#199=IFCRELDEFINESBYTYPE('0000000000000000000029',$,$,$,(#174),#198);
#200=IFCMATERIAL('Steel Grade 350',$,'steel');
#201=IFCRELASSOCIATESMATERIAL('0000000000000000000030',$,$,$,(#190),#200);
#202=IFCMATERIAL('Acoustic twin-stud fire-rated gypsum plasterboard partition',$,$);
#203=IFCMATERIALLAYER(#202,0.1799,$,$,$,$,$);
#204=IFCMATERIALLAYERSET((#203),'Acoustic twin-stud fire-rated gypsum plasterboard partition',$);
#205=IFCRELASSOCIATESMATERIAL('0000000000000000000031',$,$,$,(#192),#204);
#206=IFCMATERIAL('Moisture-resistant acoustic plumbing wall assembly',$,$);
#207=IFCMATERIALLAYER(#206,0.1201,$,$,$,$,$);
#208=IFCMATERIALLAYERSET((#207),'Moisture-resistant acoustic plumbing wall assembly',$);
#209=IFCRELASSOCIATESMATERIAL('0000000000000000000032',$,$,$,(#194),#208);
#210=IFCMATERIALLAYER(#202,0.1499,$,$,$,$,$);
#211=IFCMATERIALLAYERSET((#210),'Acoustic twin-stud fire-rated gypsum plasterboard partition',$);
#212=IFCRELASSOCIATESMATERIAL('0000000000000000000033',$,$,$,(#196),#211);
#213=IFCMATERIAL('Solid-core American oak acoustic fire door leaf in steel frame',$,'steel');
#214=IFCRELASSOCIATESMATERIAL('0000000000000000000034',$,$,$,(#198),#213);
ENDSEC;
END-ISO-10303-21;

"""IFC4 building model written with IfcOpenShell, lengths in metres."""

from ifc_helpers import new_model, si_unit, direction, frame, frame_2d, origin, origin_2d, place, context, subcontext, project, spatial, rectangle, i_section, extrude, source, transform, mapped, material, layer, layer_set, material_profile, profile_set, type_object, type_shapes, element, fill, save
■ ■ ■
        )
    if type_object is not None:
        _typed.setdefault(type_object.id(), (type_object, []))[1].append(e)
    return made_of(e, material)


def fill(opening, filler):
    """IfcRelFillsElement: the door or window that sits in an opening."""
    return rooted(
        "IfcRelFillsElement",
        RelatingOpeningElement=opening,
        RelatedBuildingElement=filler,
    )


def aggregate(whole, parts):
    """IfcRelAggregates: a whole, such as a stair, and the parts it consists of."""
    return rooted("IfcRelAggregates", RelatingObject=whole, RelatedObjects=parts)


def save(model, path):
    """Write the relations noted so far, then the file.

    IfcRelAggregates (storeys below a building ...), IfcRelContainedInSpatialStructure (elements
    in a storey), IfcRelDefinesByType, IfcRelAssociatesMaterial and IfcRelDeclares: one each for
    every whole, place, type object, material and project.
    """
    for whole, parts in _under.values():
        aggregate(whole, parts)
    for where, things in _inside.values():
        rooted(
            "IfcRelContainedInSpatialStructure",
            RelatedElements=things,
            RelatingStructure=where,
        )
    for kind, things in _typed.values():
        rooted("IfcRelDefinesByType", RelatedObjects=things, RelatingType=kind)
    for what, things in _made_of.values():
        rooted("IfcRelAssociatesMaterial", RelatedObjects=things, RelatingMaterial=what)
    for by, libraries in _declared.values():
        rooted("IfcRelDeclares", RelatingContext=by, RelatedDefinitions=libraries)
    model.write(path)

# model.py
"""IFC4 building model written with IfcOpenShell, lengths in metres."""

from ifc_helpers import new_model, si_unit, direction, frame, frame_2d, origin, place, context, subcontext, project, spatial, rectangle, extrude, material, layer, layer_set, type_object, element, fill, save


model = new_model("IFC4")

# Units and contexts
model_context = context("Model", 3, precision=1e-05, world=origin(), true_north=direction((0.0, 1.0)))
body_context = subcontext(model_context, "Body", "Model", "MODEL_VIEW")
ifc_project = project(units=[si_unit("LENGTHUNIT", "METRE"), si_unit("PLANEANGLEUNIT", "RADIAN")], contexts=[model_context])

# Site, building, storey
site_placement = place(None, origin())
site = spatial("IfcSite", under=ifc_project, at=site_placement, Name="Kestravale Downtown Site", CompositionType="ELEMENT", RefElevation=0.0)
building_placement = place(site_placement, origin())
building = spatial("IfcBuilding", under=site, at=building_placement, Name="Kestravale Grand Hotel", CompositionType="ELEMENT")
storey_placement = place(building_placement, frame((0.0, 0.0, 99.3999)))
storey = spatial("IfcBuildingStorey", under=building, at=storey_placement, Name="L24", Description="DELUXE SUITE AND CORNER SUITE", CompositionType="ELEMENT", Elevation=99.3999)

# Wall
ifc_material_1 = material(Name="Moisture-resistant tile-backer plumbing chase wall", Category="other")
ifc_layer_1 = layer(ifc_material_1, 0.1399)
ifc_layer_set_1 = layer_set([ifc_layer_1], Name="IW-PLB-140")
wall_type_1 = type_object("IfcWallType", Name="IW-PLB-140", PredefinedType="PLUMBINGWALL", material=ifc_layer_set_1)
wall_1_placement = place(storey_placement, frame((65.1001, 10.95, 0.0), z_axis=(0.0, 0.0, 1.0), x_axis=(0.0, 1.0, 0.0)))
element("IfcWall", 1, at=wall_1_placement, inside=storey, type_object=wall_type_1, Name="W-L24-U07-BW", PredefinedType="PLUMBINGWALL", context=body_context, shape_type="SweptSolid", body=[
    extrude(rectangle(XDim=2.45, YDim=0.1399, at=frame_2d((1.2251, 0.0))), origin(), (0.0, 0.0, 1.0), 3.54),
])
■ ■ ■
> _Try it_: In the records above, some lines may contain the word "steel"; copy every one of them.

> _Response box_:
#200=IFCMATERIAL('Steel Grade 350',$,'steel');
#213=IFCMATERIAL('Solid-core American oak acoustic fire door leaf in steel frame',$,'steel');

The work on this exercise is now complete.